[Opening Dataset entries section]

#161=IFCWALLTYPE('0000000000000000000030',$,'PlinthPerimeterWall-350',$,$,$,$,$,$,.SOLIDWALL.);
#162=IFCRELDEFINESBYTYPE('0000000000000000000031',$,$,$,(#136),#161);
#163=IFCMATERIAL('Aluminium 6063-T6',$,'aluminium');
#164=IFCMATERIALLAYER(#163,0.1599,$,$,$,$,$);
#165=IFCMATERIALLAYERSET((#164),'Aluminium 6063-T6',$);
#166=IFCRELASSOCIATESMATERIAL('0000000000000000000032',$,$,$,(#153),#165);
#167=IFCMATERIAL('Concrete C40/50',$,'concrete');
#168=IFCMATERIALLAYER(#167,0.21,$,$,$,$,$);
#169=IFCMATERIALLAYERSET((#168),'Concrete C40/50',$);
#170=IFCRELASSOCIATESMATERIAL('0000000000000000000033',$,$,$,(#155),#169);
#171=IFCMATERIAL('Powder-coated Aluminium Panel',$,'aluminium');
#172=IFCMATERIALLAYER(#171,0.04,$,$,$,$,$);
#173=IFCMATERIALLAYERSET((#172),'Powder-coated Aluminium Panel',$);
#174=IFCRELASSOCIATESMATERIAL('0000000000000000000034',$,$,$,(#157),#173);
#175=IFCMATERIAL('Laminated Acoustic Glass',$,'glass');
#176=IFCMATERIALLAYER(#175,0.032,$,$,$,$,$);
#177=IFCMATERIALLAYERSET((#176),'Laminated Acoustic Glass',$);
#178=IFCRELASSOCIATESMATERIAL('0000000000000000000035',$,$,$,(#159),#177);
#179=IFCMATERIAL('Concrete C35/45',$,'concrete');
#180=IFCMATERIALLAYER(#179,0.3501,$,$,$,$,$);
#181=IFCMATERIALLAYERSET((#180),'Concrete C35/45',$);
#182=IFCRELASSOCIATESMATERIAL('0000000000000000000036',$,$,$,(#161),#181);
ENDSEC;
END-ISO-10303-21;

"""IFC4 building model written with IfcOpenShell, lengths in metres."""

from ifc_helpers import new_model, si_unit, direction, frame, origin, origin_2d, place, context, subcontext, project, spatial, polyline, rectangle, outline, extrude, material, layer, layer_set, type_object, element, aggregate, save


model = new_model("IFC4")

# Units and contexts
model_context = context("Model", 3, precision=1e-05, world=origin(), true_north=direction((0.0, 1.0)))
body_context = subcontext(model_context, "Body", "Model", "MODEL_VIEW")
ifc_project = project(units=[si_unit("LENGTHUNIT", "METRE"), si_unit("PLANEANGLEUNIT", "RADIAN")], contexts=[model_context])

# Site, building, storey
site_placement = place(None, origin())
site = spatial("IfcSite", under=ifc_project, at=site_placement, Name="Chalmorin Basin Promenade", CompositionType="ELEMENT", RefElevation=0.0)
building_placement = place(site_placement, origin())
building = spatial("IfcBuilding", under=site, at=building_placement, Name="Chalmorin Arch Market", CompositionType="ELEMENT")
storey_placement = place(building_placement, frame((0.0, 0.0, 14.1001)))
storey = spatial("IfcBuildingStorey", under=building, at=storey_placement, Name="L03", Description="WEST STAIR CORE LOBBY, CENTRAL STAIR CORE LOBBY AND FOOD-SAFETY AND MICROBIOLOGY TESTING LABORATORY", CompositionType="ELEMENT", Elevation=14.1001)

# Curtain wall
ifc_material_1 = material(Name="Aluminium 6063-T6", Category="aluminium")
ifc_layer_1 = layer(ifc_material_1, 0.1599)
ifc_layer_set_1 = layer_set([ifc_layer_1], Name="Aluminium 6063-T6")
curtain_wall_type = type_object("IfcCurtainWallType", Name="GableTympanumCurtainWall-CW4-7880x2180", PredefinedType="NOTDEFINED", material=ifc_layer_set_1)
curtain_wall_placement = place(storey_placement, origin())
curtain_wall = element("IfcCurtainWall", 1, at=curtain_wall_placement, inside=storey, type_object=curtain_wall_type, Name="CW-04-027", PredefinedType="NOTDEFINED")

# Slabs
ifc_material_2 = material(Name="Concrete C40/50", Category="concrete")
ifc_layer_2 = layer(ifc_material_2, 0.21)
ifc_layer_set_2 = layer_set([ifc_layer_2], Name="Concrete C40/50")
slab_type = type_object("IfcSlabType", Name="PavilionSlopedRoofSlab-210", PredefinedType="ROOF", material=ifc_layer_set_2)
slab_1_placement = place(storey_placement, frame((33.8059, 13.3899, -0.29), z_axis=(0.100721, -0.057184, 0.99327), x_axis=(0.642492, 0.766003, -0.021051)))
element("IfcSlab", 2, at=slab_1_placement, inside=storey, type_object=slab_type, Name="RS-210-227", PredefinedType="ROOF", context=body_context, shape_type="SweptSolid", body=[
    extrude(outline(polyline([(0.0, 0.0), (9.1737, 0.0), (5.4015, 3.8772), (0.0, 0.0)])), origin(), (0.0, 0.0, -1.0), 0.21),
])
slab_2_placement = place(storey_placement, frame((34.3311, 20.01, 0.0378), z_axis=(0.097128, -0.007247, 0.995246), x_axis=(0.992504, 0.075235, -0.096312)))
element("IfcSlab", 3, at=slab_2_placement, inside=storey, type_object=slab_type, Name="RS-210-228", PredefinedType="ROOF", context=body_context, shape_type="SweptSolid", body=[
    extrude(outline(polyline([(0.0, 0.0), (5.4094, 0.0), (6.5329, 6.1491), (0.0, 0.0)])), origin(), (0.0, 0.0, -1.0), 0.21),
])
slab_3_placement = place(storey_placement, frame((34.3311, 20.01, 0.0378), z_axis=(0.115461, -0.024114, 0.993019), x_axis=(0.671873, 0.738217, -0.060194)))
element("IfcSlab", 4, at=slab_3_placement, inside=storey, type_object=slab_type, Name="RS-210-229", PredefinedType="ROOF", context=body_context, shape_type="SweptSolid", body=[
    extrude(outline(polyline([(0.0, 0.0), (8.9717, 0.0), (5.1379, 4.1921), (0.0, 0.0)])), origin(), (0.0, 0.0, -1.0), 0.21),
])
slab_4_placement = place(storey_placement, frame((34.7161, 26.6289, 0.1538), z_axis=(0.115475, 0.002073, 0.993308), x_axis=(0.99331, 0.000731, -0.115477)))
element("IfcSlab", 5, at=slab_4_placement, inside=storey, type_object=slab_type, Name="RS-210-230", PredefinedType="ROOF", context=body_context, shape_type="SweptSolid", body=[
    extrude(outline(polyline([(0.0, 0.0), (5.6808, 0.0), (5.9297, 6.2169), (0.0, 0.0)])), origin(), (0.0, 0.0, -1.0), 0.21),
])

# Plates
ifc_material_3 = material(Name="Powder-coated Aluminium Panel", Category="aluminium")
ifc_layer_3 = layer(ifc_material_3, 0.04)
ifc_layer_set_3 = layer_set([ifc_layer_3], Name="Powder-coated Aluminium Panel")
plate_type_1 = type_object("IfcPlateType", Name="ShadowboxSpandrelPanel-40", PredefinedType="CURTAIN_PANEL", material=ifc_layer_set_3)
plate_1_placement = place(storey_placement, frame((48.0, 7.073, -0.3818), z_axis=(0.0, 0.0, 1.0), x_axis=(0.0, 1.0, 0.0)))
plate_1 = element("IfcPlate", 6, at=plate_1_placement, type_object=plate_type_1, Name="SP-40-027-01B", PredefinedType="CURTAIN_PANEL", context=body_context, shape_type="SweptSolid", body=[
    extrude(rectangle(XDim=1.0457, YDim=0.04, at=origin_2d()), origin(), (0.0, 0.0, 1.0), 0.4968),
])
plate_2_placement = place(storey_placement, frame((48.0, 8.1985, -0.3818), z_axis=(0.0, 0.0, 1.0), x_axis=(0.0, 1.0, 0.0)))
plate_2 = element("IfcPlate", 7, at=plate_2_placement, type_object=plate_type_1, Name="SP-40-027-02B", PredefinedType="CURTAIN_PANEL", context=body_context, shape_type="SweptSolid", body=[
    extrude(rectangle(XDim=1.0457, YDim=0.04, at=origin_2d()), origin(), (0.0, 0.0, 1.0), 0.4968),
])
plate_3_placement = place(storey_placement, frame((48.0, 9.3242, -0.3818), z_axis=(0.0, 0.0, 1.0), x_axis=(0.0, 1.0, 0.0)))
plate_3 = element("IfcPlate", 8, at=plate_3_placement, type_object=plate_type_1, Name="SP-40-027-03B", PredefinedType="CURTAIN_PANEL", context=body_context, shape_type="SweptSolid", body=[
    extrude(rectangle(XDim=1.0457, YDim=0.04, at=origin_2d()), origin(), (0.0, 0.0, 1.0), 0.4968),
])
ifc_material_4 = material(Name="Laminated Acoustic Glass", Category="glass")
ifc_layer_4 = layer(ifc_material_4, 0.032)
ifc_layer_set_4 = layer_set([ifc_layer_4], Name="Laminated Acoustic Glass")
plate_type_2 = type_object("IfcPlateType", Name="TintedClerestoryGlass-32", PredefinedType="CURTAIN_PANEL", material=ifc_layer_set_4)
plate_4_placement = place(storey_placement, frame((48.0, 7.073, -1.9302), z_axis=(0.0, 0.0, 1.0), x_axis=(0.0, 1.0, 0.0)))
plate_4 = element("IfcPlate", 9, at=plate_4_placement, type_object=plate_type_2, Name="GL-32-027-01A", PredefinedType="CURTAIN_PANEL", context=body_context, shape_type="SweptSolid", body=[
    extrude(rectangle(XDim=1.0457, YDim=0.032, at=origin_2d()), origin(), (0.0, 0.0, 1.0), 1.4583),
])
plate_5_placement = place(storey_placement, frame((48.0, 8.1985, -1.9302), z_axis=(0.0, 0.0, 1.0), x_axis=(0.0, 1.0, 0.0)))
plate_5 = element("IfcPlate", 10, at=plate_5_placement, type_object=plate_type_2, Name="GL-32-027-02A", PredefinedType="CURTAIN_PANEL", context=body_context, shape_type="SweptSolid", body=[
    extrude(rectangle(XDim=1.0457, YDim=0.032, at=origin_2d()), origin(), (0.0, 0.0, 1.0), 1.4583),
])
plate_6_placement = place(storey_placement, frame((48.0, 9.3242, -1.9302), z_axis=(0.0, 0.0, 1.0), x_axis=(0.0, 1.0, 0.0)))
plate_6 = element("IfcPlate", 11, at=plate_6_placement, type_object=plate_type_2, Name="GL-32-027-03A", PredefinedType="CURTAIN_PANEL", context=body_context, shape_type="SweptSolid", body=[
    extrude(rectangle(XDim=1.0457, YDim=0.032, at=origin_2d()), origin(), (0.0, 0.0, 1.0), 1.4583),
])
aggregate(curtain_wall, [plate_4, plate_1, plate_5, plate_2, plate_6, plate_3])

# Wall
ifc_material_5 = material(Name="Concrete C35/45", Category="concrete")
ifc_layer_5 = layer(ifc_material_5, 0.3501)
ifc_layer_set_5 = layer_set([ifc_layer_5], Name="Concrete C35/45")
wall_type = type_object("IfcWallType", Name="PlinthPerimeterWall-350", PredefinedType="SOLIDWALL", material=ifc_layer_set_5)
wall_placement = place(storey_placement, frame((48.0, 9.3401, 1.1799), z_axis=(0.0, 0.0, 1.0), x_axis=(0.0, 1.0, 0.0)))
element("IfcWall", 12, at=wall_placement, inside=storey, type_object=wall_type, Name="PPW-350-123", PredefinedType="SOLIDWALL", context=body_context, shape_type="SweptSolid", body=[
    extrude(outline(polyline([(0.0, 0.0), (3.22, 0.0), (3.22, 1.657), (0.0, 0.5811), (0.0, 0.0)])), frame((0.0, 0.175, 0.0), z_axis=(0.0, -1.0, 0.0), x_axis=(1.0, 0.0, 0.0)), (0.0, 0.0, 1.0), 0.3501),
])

[Closing Dataset entries section]

The lines from the one containing "ifc_layer_5 = layer(ifc_material_5, 0.3501)" through the last line of the records are the answer; set them down exactly and add nothing.

▸ Result of the exercise:
ifc_layer_5 = layer(ifc_material_5, 0.3501)
ifc_layer_set_5 = layer_set([ifc_layer_5], Name="Concrete C35/45")
wall_type = type_object("IfcWallType", Name="PlinthPerimeterWall-350", PredefinedType="SOLIDWALL", material=ifc_layer_set_5)
wall_placement = place(storey_placement, frame((48.0, 9.3401, 1.1799), z_axis=(0.0, 0.0, 1.0), x_axis=(0.0, 1.0, 0.0)))
element("IfcWall", 12, at=wall_placement, inside=storey, type_object=wall_type, Name="PPW-350-123", PredefinedType="SOLIDWALL", context=body_context, shape_type="SweptSolid", body=[
    extrude(outline(polyline([(0.0, 0.0), (3.22, 0.0), (3.22, 1.657), (0.0, 0.5811), (0.0, 0.0)])), frame((0.0, 0.175, 0.0), z_axis=(0.0, -1.0, 0.0), x_axis=(1.0, 0.0, 0.0)), (0.0, 0.0, 1.0), 0.3501),
])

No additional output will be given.